(Available data begins)

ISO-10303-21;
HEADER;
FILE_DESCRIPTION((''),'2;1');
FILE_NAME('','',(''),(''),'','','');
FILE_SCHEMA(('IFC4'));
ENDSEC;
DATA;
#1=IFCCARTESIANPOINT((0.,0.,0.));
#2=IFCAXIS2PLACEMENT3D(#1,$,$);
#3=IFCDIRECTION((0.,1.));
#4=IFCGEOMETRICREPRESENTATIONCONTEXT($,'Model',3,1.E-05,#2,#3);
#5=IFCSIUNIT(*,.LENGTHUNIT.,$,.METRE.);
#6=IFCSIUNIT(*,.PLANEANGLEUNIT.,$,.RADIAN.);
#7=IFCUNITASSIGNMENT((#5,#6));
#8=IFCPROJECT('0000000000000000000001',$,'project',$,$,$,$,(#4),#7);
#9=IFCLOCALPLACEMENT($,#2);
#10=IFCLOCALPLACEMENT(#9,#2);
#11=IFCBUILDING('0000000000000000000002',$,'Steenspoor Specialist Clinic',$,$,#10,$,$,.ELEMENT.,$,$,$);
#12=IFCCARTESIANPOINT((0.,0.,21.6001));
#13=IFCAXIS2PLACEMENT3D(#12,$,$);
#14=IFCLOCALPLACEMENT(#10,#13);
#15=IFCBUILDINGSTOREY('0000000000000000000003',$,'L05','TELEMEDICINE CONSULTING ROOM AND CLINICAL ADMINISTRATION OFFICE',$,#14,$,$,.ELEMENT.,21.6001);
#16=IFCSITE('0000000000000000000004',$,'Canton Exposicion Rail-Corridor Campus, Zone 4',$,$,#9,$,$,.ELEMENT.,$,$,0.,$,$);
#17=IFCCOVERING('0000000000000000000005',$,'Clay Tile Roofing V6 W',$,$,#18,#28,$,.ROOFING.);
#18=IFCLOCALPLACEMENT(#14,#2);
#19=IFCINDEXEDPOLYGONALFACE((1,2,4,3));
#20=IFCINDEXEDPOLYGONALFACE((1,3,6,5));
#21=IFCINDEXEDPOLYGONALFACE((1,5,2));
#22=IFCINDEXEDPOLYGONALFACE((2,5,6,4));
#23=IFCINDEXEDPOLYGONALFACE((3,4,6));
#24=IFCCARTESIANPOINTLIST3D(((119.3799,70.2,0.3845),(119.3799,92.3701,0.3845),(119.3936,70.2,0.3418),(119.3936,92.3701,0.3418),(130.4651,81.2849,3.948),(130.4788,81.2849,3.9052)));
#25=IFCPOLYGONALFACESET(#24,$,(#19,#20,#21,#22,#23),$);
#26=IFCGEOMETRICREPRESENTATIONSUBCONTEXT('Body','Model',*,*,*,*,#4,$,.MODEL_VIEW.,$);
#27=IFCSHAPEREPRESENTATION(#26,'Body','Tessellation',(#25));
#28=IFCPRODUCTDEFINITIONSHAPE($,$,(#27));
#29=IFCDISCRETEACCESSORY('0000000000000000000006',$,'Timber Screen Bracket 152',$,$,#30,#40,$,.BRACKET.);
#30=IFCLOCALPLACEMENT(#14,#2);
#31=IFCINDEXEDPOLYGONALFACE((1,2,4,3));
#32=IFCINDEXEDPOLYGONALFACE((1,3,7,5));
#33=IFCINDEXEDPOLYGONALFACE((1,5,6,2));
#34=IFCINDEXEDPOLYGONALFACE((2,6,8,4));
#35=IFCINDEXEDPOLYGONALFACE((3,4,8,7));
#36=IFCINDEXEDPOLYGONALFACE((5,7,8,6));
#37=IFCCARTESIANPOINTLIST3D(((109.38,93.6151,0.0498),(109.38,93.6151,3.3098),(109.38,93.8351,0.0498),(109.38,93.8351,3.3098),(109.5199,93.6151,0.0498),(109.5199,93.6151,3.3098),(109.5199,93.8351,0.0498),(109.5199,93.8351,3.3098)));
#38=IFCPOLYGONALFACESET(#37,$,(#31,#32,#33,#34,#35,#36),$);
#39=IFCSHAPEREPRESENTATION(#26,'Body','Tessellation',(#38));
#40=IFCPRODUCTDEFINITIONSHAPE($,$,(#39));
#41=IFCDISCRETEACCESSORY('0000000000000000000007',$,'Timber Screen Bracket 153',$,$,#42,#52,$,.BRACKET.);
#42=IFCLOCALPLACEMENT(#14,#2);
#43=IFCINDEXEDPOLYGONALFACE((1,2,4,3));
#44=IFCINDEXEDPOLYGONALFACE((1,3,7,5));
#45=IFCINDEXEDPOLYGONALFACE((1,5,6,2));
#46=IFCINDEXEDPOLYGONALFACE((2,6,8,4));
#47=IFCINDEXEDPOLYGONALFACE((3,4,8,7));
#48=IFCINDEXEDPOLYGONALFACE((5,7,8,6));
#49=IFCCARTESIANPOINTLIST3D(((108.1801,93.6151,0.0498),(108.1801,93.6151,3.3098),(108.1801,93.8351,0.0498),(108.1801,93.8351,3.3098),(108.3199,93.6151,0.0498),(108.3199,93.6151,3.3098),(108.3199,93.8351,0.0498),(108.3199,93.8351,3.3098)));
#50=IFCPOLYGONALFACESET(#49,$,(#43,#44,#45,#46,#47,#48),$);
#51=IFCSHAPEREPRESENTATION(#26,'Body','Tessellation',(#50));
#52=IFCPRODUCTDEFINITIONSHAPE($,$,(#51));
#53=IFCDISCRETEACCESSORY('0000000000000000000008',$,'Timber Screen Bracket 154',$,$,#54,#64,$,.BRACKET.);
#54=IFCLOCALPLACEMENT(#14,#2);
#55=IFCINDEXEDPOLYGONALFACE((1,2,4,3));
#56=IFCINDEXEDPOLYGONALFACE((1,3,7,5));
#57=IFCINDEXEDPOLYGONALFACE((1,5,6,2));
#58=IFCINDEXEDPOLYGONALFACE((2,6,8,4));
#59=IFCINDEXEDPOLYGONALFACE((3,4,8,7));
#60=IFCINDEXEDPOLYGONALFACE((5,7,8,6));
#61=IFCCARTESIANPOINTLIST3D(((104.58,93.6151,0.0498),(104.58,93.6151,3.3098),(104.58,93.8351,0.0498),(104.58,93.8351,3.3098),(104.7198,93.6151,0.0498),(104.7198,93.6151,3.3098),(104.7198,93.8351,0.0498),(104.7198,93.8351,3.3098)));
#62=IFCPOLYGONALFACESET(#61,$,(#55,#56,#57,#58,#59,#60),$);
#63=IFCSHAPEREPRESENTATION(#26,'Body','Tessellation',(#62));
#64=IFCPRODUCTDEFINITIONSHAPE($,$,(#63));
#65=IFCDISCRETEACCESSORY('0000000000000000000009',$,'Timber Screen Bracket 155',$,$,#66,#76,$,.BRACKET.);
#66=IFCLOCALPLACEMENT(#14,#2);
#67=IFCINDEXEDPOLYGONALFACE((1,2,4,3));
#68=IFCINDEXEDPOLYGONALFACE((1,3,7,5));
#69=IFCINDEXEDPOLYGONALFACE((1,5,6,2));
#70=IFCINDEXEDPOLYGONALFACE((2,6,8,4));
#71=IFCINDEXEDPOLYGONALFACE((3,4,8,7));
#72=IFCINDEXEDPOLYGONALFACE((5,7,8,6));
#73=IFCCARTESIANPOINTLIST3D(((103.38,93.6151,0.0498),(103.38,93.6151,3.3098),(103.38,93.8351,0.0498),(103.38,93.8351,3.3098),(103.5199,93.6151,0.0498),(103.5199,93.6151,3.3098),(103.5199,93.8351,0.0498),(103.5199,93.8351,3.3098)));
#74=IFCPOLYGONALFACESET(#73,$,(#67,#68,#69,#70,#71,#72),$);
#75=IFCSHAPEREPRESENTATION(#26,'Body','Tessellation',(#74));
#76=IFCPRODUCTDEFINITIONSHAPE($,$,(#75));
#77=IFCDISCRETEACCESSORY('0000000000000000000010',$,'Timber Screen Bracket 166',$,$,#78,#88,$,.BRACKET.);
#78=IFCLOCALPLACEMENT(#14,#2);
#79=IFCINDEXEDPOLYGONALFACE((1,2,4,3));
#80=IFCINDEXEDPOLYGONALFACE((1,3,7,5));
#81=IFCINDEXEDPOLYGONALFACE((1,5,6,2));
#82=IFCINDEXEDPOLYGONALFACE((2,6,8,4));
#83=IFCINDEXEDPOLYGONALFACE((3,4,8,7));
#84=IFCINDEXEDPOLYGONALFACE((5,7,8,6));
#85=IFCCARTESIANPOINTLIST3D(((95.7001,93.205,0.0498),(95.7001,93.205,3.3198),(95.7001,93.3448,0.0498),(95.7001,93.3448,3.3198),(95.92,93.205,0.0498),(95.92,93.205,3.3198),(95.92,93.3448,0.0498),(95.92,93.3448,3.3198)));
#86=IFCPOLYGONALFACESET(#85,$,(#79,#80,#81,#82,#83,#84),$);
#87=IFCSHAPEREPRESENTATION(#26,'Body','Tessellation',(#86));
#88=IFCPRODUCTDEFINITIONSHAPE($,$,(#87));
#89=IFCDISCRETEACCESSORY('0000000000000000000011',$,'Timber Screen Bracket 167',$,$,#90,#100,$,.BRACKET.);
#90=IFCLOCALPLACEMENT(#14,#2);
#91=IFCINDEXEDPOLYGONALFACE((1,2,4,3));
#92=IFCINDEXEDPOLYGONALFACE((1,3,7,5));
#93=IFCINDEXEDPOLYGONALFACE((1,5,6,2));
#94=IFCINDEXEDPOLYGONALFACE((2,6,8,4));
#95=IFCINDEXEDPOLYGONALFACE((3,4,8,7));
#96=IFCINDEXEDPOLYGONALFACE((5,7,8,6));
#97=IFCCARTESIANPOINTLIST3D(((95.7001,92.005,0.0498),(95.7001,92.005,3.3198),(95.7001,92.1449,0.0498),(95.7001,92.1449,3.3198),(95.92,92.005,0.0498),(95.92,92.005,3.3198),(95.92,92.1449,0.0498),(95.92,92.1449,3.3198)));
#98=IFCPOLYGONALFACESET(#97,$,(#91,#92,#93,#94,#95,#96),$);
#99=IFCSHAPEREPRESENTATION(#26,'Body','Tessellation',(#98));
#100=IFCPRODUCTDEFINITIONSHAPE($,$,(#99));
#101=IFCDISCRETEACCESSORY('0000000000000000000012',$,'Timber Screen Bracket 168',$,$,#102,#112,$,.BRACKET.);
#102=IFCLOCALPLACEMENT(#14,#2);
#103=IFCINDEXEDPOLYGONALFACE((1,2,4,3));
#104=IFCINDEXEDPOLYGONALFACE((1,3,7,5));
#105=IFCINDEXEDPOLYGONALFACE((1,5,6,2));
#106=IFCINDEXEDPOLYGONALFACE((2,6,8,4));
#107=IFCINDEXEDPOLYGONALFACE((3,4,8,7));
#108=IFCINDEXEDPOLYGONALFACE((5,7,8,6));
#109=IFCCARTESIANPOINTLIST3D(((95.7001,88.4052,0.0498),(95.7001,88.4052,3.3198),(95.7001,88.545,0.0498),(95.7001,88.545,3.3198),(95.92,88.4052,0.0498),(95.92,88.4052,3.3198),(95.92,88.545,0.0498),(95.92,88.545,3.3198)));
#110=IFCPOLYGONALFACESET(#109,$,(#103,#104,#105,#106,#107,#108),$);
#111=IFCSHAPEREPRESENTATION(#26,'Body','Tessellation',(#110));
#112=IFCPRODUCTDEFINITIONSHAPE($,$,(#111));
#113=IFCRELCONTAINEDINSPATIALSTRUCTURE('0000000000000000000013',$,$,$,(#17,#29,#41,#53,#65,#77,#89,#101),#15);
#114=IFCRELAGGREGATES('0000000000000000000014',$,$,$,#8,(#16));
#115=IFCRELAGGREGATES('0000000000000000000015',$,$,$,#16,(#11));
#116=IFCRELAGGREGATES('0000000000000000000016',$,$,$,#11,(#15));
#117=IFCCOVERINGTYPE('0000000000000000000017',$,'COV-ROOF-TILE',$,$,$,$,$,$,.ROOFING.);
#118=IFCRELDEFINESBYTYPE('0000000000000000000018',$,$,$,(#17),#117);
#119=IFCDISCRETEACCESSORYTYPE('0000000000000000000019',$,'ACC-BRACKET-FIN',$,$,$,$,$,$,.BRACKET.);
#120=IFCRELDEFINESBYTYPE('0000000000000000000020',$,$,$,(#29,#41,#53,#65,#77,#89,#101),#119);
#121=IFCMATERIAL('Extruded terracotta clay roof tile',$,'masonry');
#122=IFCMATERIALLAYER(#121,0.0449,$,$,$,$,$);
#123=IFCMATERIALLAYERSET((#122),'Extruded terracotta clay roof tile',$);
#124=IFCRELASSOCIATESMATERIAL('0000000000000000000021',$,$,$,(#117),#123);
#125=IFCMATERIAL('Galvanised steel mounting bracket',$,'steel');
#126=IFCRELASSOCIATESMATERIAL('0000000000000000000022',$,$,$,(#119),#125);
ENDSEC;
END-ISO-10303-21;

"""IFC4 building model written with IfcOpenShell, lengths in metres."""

from ifc_helpers import new_model, si_unit, direction, frame, origin, origin_2d, place, context, subcontext, project, spatial, polyline, rectangle, outline, extrude, material, layer, layer_set, type_object, element, save


model = new_model("IFC4")

# Units and contexts
model_context = context("Model", 3, precision=1e-05, world=origin(), true_north=direction((0.0, 1.0)))
body_context = subcontext(model_context, "Body", "Model", "MODEL_VIEW")
ifc_project = project(units=[si_unit("LENGTHUNIT", "METRE"), si_unit("PLANEANGLEUNIT", "RADIAN")], contexts=[model_context])

# Site, building, storey
site_placement = place(None, origin())
site = spatial("IfcSite", under=ifc_project, at=site_placement, Name="Canton Exposicion Rail-Corridor Campus, Zone 4", CompositionType="ELEMENT", RefElevation=0.0)
building_placement = place(site_placement, origin())
building = spatial("IfcBuilding", under=site, at=building_placement, Name="Steenspoor Specialist Clinic", CompositionType="ELEMENT")
storey_placement = place(building_placement, frame((0.0, 0.0, 21.6001)))
storey = spatial("IfcBuildingStorey", under=building, at=storey_placement, Name="L05", Description="TELEMEDICINE CONSULTING ROOM AND CLINICAL ADMINISTRATION OFFICE", CompositionType="ELEMENT", Elevation=21.6001)

# Shared definitions
ifc_material_1 = material(Name="Extruded terracotta clay roof tile", Category="masonry")

# Covering
ifc_layer_1 = layer(ifc_material_1, 0.0449)
ifc_layer_set_1 = layer_set([ifc_layer_1], Name="Extruded terracotta clay roof tile")
covering_type_1 = type_object("IfcCoveringType", Name="COV-ROOF-TILE", PredefinedType="ROOFING", material=ifc_layer_set_1)
covering_1_placement = place(storey_placement, frame((119.3799, 92.3701, 0.3845), z_axis=(-0.306038, 0.0, 0.952019), x_axis=(0.0, -1.0, 0.0)))
element("IfcCovering", 1, at=covering_1_placement, inside=storey, type_object=covering_type_1, Name="Clay Tile Roofing V6 W", PredefinedType="ROOFING", context=body_context, shape_type="SweptSolid", body=[
    extrude(outline(polyline([(0.0, 0.0), (22.1702, 0.0), (11.0852, 11.6439), (0.0, 0.0)])), origin(), (0.0, 0.0, -1.0), 0.0449),
])

# Discrete accessories
ifc_material_2 = material(Name="Galvanised steel mounting bracket", Category="steel")
discrete_accessory_type = type_object("IfcDiscreteAccessoryType", Name="ACC-BRACKET-FIN", PredefinedType="BRACKET", material=ifc_material_2)
for number, where, z_axis, x_axis, name in (
    (2, (109.45, 93.7251, 0.0498), (0.0, 0.0, 1.0), (0.0, -1.0, 0.0), "Timber Screen Bracket 152"),
    (3, (108.25, 93.7251, 0.0498), (0.0, 0.0, 1.0), (0.0, -1.0, 0.0), "Timber Screen Bracket 153"),
    (4, (104.6499, 93.7251, 0.0498), (0.0, 0.0, 1.0), (0.0, -1.0, 0.0), "Timber Screen Bracket 154"),
    (5, (103.45, 93.7251, 0.0498), (0.0, 0.0, 1.0), (0.0, -1.0, 0.0), "Timber Screen Bracket 155"),
):
    element("IfcDiscreteAccessory", number, at=place(storey_placement, frame(where, z_axis=z_axis, x_axis=x_axis)), inside=storey, type_object=discrete_accessory_type, Name=name, PredefinedType="BRACKET", context=body_context, shape_type="SweptSolid", body=[
        extrude(rectangle(XDim=0.22, YDim=0.1399, at=origin_2d()), origin(), (0.0, 0.0, 1.0), 3.26),
    ])
for number, where, z_axis, x_axis, name in (
    (6, (95.8101, 93.2749, 0.0498), (0.0, 0.0, 1.0), (1.0, 0.0, 0.0), "Timber Screen Bracket 166"),
    (7, (95.8101, 92.075, 0.0498), (0.0, 0.0, 1.0), (1.0, 0.0, 0.0), "Timber Screen Bracket 167"),
    (8, (95.8101, 88.4751, 0.0498), (0.0, 0.0, 1.0), (1.0, 0.0, 0.0), "Timber Screen Bracket 168"),
):
    element("IfcDiscreteAccessory", number, at=place(storey_placement, frame(where, z_axis=z_axis, x_axis=x_axis)), inside=storey, type_object=discrete_accessory_type, Name=name, PredefinedType="BRACKET", context=body_context, shape_type="SweptSolid", body=[
        extrude(rectangle(XDim=0.22, YDim=0.1399, at=origin_2d()), origin(), (0.0, 0.0, 1.0), 3.27),
    ])

save(model, "model.ifc")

(Available data ends)

_Task to complete_
Please reproduce the lines from the line with "#115=IFCRELAGGREGATES('0000000000000000000015',$,$,$,#16,(#11));" to the line with "END-ISO-10303-21;", both ends included, exactly as they appear above.

_Your solution_
#115=IFCRELAGGREGATES('0000000000000000000015',$,$,$,#16,(#11));
#116=IFCRELAGGREGATES('0000000000000000000016',$,$,$,#11,(#15));
#117=IFCCOVERINGTYPE('0000000000000000000017',$,'COV-ROOF-TILE',$,$,$,$,$,$,.ROOFING.);
#118=IFCRELDEFINESBYTYPE('0000000000000000000018',$,$,$,(#17),#117);
#119=IFCDISCRETEACCESSORYTYPE('0000000000000000000019',$,'ACC-BRACKET-FIN',$,$,$,$,$,$,.BRACKET.);
#120=IFCRELDEFINESBYTYPE('0000000000000000000020',$,$,$,(#29,#41,#53,#65,#77,#89,#101),#119);
#121=IFCMATERIAL('Extruded terracotta clay roof tile',$,'masonry');
#122=IFCMATERIALLAYER(#121,0.0449,$,$,$,$,$);
#123=IFCMATERIALLAYERSET((#122),'Extruded terracotta clay roof tile',$);
#124=IFCRELASSOCIATESMATERIAL('0000000000000000000021',$,$,$,(#117),#123);
#125=IFCMATERIAL('Galvanised steel mounting bracket',$,'steel');
#126=IFCRELASSOCIATESMATERIAL('0000000000000000000022',$,$,$,(#119),#125);
ENDSEC;
END-ISO-10303-21;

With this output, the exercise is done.